- [Task item] Find the word "IFCPOLYGONALFACESET" below. Copy each line that has it.

- [Records from a dataset]
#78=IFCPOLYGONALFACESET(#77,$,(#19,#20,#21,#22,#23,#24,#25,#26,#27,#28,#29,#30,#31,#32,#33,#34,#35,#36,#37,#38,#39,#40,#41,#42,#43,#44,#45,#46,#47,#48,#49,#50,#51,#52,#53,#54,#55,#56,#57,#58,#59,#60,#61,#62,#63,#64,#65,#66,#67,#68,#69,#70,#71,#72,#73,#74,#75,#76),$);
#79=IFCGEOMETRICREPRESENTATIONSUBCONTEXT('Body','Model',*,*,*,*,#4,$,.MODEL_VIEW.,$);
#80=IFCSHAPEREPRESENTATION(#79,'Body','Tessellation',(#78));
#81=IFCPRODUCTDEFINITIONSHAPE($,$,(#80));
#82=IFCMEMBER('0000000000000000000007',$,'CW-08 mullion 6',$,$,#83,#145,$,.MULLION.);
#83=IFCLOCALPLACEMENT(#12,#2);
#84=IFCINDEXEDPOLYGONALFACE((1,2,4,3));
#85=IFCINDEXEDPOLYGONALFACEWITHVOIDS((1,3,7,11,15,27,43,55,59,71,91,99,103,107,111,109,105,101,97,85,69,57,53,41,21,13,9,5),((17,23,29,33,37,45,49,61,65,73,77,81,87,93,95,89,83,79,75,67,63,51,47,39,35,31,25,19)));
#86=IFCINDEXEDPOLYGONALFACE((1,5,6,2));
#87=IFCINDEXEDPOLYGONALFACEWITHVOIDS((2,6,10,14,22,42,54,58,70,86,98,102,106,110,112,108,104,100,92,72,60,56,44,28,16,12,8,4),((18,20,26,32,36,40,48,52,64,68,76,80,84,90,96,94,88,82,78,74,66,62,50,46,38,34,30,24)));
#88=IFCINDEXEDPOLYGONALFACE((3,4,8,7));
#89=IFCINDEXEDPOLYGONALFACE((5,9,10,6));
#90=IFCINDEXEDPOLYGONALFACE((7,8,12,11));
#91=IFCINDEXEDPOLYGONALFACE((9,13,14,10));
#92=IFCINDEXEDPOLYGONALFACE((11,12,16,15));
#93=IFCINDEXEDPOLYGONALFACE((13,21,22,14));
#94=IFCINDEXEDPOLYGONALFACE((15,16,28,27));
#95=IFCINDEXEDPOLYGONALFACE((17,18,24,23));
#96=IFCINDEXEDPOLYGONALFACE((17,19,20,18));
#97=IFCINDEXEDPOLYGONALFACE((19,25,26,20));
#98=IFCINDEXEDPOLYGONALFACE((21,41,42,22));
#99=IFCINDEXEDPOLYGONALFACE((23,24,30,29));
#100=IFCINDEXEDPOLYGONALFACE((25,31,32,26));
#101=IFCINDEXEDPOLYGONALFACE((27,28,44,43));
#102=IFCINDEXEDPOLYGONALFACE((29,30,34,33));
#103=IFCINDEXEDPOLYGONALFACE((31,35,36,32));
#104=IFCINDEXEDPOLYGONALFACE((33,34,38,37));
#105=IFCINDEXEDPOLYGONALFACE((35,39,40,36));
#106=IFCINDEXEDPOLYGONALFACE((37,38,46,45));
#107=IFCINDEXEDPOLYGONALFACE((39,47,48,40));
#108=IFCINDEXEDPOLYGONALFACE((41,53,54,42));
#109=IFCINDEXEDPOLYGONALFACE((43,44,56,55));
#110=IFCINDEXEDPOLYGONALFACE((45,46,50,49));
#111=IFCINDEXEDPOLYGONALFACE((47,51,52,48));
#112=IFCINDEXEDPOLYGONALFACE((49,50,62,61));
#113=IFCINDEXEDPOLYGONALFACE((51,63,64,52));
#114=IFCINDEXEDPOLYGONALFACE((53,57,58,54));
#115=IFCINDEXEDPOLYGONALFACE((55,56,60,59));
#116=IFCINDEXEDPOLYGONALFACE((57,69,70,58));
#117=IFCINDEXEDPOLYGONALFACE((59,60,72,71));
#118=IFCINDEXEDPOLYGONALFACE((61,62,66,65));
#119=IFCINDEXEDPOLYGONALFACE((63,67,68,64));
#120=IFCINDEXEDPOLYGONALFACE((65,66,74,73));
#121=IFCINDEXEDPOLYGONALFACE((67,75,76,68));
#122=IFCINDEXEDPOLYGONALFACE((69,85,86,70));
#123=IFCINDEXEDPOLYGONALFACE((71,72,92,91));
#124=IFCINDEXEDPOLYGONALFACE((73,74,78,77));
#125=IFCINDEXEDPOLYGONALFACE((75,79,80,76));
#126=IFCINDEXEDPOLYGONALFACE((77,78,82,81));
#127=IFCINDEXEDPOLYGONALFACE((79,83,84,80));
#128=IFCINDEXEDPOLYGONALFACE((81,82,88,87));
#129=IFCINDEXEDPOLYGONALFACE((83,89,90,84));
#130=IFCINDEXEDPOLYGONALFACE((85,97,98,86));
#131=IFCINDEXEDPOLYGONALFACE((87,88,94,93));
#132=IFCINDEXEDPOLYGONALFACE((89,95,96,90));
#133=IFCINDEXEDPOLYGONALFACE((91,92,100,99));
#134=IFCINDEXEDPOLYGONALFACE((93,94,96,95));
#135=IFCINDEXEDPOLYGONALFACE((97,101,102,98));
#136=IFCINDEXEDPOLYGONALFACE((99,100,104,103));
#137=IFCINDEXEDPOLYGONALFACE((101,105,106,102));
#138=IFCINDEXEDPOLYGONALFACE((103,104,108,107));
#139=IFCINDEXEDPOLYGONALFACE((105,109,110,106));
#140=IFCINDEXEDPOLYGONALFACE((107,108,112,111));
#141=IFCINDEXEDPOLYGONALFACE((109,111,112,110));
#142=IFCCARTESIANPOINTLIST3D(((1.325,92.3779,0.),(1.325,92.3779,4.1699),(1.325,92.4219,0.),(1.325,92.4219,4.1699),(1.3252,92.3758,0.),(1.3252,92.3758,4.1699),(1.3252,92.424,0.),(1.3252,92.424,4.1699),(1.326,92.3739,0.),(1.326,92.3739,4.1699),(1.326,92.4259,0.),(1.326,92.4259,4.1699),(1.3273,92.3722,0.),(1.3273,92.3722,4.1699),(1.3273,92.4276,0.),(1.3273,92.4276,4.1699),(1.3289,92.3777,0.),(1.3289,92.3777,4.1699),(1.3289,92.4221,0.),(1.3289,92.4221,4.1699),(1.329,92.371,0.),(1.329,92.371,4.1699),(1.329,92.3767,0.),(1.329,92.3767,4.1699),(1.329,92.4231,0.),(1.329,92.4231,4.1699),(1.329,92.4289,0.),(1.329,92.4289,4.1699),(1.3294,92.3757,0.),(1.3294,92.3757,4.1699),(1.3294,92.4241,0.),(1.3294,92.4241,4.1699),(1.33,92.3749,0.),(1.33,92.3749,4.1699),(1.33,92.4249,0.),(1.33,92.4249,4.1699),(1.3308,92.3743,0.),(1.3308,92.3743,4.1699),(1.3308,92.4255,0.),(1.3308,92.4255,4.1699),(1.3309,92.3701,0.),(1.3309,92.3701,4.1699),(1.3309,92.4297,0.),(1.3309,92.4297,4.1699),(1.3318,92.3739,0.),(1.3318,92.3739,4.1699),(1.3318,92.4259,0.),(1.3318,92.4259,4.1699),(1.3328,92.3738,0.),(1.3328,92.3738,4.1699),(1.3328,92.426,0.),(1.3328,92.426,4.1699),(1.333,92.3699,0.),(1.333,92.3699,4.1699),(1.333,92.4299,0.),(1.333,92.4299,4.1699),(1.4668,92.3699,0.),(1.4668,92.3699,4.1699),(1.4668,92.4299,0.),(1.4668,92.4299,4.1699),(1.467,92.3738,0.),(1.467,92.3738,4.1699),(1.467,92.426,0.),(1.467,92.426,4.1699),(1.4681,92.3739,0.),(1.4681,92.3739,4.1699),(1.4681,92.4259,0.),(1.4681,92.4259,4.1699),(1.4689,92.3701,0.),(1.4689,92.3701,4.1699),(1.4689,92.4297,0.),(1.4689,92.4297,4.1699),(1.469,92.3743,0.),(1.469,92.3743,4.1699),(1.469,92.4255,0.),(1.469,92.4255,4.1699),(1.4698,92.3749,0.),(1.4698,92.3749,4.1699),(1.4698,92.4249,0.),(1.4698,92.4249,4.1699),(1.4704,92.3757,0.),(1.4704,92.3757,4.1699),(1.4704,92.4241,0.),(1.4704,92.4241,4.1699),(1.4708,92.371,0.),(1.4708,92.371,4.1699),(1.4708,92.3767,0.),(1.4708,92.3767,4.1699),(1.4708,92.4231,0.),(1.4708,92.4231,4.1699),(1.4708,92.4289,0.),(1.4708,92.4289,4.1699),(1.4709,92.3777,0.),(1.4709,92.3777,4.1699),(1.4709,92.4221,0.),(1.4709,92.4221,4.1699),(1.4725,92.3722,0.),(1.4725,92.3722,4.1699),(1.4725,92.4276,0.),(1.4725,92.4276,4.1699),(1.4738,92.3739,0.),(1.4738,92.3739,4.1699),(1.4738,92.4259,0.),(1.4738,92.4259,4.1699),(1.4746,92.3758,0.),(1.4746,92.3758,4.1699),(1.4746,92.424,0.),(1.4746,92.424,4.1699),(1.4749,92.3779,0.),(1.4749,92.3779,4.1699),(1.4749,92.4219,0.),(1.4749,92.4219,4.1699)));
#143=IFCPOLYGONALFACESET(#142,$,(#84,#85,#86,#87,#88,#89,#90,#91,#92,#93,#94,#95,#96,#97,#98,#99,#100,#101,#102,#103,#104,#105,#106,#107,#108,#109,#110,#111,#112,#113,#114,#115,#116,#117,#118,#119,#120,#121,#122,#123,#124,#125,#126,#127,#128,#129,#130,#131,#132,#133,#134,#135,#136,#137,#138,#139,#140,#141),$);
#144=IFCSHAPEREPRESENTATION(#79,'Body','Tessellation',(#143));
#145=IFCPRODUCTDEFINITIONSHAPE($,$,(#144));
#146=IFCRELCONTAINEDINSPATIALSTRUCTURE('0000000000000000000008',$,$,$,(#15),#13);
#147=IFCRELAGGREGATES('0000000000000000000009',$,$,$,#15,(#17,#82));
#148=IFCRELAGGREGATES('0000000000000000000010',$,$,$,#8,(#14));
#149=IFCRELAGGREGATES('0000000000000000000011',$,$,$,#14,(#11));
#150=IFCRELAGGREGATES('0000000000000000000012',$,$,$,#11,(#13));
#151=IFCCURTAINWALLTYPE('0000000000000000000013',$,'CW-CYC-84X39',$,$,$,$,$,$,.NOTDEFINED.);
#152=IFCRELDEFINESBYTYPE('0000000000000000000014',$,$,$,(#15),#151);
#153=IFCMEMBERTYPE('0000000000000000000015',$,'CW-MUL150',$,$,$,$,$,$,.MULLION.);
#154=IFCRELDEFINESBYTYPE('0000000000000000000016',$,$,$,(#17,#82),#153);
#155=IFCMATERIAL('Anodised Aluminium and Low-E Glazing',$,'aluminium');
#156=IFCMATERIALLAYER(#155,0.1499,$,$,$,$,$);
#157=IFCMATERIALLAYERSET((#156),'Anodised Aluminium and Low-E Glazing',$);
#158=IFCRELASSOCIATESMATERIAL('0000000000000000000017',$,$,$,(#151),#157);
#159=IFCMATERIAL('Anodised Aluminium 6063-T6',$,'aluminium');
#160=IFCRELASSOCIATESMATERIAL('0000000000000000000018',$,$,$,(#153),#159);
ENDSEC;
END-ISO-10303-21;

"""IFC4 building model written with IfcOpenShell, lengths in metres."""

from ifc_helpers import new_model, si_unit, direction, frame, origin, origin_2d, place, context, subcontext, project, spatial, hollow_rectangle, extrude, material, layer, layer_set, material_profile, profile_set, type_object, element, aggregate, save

- [Solved exercise]
#78=IFCPOLYGONALFACESET(#77,$,(#19,#20,#21,#22,#23,#24,#25,#26,#27,#28,#29,#30,#31,#32,#33,#34,#35,#36,#37,#38,#39,#40,#41,#42,#43,#44,#45,#46,#47,#48,#49,#50,#51,#52,#53,#54,#55,#56,#57,#58,#59,#60,#61,#62,#63,#64,#65,#66,#67,#68,#69,#70,#71,#72,#73,#74,#75,#76),$);
#143=IFCPOLYGONALFACESET(#142,$,(#84,#85,#86,#87,#88,#89,#90,#91,#92,#93,#94,#95,#96,#97,#98,#99,#100,#101,#102,#103,#104,#105,#106,#107,#108,#109,#110,#111,#112,#113,#114,#115,#116,#117,#118,#119,#120,#121,#122,#123,#124,#125,#126,#127,#128,#129,#130,#131,#132,#133,#134,#135,#136,#137,#138,#139,#140,#141),$);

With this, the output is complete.